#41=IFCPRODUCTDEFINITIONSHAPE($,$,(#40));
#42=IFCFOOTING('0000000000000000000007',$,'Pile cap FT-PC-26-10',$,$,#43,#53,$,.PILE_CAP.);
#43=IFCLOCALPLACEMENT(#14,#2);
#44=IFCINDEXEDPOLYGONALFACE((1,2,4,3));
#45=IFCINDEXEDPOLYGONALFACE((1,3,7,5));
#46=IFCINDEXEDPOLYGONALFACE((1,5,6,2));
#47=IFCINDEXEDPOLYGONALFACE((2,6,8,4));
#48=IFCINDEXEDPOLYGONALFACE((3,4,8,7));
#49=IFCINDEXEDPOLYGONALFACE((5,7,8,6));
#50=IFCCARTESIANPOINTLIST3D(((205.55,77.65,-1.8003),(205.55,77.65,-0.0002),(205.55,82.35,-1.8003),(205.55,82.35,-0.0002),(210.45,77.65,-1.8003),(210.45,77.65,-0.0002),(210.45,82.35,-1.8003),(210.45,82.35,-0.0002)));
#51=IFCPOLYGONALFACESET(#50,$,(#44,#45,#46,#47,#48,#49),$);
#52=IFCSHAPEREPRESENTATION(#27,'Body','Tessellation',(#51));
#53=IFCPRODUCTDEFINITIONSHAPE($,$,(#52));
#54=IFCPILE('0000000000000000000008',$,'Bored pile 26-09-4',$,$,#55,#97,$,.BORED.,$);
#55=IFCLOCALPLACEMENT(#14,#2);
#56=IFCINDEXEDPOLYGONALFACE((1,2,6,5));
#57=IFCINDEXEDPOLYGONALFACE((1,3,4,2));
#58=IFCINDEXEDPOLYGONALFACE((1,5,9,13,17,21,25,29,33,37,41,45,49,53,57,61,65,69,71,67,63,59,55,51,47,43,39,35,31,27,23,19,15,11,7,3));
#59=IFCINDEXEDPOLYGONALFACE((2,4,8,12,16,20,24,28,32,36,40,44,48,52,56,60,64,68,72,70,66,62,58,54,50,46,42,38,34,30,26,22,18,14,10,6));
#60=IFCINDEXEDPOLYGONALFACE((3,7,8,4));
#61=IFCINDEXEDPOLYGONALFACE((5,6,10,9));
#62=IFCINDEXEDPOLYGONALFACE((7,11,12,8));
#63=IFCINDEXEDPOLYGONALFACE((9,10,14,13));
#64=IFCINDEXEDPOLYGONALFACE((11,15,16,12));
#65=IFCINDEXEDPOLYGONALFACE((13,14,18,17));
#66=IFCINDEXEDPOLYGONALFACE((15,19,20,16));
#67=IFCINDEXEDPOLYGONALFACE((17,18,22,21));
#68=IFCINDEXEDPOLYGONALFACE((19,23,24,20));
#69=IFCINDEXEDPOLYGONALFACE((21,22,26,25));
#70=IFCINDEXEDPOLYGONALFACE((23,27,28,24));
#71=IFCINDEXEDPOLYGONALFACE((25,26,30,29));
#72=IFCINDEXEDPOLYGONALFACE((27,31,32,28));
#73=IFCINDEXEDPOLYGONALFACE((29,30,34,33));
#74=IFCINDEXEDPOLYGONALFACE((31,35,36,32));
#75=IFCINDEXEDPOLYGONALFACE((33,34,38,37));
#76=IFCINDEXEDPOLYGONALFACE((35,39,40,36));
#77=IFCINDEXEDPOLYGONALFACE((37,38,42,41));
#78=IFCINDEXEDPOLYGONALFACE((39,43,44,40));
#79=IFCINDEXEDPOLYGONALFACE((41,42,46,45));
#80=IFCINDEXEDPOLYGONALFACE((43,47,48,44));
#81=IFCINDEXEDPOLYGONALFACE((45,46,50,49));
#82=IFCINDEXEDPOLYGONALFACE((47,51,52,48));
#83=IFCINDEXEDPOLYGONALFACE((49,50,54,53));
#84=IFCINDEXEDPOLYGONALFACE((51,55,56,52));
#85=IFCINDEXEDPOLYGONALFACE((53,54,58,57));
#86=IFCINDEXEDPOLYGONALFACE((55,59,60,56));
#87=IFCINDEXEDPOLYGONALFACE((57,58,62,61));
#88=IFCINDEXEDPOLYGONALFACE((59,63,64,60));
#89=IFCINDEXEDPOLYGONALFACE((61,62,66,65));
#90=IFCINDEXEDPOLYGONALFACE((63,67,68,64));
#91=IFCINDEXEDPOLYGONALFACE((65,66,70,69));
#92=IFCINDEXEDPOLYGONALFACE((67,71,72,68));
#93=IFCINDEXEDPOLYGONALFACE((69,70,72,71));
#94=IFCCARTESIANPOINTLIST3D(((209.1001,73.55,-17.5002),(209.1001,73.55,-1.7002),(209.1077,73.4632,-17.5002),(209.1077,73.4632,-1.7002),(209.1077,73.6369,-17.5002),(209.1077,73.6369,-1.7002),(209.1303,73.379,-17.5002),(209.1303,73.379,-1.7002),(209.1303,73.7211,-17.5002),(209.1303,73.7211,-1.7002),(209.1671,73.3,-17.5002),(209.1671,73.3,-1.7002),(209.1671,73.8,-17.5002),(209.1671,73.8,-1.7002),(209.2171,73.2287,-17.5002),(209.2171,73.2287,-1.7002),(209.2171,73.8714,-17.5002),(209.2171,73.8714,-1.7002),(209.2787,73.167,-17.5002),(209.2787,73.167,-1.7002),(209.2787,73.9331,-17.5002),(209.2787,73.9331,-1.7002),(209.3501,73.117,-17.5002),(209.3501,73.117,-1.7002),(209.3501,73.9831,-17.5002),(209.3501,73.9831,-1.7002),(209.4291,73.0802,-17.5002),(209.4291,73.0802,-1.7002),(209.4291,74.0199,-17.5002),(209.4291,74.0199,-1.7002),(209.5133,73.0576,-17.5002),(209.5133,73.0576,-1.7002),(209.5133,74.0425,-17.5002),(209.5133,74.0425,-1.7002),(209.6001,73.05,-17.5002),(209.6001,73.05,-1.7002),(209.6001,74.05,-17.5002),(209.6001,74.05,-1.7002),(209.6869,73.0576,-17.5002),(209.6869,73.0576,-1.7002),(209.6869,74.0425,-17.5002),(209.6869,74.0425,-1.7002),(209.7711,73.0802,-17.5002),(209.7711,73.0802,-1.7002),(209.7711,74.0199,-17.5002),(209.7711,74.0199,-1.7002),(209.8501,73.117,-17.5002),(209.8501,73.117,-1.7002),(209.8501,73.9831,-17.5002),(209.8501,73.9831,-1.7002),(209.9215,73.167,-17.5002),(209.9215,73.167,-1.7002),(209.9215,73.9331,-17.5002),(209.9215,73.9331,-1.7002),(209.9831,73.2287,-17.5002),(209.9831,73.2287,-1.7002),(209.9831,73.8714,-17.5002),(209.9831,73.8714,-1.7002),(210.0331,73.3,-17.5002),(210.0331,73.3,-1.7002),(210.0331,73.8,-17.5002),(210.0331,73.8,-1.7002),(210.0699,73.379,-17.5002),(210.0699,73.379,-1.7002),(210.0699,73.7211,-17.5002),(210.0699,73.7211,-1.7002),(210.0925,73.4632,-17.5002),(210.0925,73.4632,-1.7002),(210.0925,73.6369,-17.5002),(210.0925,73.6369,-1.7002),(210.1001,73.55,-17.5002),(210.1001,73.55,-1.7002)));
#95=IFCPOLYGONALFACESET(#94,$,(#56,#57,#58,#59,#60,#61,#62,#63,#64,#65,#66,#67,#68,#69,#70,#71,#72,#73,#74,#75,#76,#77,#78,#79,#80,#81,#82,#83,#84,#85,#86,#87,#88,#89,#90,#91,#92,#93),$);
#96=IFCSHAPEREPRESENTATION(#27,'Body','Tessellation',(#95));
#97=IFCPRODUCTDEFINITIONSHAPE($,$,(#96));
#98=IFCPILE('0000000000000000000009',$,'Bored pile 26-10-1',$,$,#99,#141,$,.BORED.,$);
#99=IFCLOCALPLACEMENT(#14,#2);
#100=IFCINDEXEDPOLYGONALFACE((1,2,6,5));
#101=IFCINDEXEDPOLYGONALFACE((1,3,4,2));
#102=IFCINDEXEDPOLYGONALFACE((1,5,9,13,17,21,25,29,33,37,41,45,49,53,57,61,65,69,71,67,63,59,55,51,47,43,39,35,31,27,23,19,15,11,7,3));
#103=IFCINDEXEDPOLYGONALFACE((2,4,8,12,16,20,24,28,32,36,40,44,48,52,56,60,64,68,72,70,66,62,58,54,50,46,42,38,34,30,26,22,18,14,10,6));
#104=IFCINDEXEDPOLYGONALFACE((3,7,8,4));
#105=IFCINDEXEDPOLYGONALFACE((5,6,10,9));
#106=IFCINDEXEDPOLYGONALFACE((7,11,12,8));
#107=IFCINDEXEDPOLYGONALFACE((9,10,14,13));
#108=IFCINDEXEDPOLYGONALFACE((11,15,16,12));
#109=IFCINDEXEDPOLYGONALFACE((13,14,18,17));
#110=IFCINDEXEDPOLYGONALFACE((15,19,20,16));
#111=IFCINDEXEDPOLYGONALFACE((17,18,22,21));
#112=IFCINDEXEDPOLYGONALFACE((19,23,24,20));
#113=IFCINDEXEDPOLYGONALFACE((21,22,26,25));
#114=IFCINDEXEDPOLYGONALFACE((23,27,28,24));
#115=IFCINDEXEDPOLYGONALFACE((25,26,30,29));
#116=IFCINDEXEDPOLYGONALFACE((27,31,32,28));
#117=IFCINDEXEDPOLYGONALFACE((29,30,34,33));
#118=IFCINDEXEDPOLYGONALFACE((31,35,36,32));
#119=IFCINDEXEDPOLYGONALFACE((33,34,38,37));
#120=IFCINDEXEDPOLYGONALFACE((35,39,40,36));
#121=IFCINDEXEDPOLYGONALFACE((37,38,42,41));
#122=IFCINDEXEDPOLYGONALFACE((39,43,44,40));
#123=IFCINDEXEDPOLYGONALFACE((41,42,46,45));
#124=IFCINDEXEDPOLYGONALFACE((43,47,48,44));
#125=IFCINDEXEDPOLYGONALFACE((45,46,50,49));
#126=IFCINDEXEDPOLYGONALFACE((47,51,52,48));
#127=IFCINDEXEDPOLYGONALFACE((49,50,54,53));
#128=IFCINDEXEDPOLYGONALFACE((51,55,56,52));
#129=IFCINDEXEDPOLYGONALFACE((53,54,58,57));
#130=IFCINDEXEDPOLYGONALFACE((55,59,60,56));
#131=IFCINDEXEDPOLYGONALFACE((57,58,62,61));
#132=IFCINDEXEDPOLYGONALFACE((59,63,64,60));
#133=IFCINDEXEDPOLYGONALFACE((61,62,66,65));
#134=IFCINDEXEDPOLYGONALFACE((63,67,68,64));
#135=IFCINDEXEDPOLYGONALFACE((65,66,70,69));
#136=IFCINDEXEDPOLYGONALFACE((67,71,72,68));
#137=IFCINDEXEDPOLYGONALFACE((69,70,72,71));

== YOUR GOAL ==
Using the records above, set down exactly the lines from the one with "#44=IFCINDEXEDPOLYGONALFACE((1,2,4,3));" through the one with "#84=IFCINDEXEDPOLYGONALFACE((51,55,56,52));", inclusive, and nothing more.

== RESPONSE AREA ==
#44=IFCINDEXEDPOLYGONALFACE((1,2,4,3));
#45=IFCINDEXEDPOLYGONALFACE((1,3,7,5));
#46=IFCINDEXEDPOLYGONALFACE((1,5,6,2));
#47=IFCINDEXEDPOLYGONALFACE((2,6,8,4));
#48=IFCINDEXEDPOLYGONALFACE((3,4,8,7));
#49=IFCINDEXEDPOLYGONALFACE((5,7,8,6));
#50=IFCCARTESIANPOINTLIST3D(((205.55,77.65,-1.8003),(205.55,77.65,-0.0002),(205.55,82.35,-1.8003),(205.55,82.35,-0.0002),(210.45,77.65,-1.8003),(210.45,77.65,-0.0002),(210.45,82.35,-1.8003),(210.45,82.35,-0.0002)));
#51=IFCPOLYGONALFACESET(#50,$,(#44,#45,#46,#47,#48,#49),$);
#52=IFCSHAPEREPRESENTATION(#27,'Body','Tessellation',(#51));
#53=IFCPRODUCTDEFINITIONSHAPE($,$,(#52));
#54=IFCPILE('0000000000000000000008',$,'Bored pile 26-09-4',$,$,#55,#97,$,.BORED.,$);
#55=IFCLOCALPLACEMENT(#14,#2);
#56=IFCINDEXEDPOLYGONALFACE((1,2,6,5));
#57=IFCINDEXEDPOLYGONALFACE((1,3,4,2));
#58=IFCINDEXEDPOLYGONALFACE((1,5,9,13,17,21,25,29,33,37,41,45,49,53,57,61,65,69,71,67,63,59,55,51,47,43,39,35,31,27,23,19,15,11,7,3));
#59=IFCINDEXEDPOLYGONALFACE((2,4,8,12,16,20,24,28,32,36,40,44,48,52,56,60,64,68,72,70,66,62,58,54,50,46,42,38,34,30,26,22,18,14,10,6));
#60=IFCINDEXEDPOLYGONALFACE((3,7,8,4));
#61=IFCINDEXEDPOLYGONALFACE((5,6,10,9));
#62=IFCINDEXEDPOLYGONALFACE((7,11,12,8));
#63=IFCINDEXEDPOLYGONALFACE((9,10,14,13));
#64=IFCINDEXEDPOLYGONALFACE((11,15,16,12));
#65=IFCINDEXEDPOLYGONALFACE((13,14,18,17));
#66=IFCINDEXEDPOLYGONALFACE((15,19,20,16));
#67=IFCINDEXEDPOLYGONALFACE((17,18,22,21));
#68=IFCINDEXEDPOLYGONALFACE((19,23,24,20));
#69=IFCINDEXEDPOLYGONALFACE((21,22,26,25));
#70=IFCINDEXEDPOLYGONALFACE((23,27,28,24));
#71=IFCINDEXEDPOLYGONALFACE((25,26,30,29));
#72=IFCINDEXEDPOLYGONALFACE((27,31,32,28));
#73=IFCINDEXEDPOLYGONALFACE((29,30,34,33));
#74=IFCINDEXEDPOLYGONALFACE((31,35,36,32));
#75=IFCINDEXEDPOLYGONALFACE((33,34,38,37));
#76=IFCINDEXEDPOLYGONALFACE((35,39,40,36));
#77=IFCINDEXEDPOLYGONALFACE((37,38,42,41));
#78=IFCINDEXEDPOLYGONALFACE((39,43,44,40));
#79=IFCINDEXEDPOLYGONALFACE((41,42,46,45));
#80=IFCINDEXEDPOLYGONALFACE((43,47,48,44));
#81=IFCINDEXEDPOLYGONALFACE((45,46,50,49));
#82=IFCINDEXEDPOLYGONALFACE((47,51,52,48));
#83=IFCINDEXEDPOLYGONALFACE((49,50,54,53));
#84=IFCINDEXEDPOLYGONALFACE((51,55,56,52));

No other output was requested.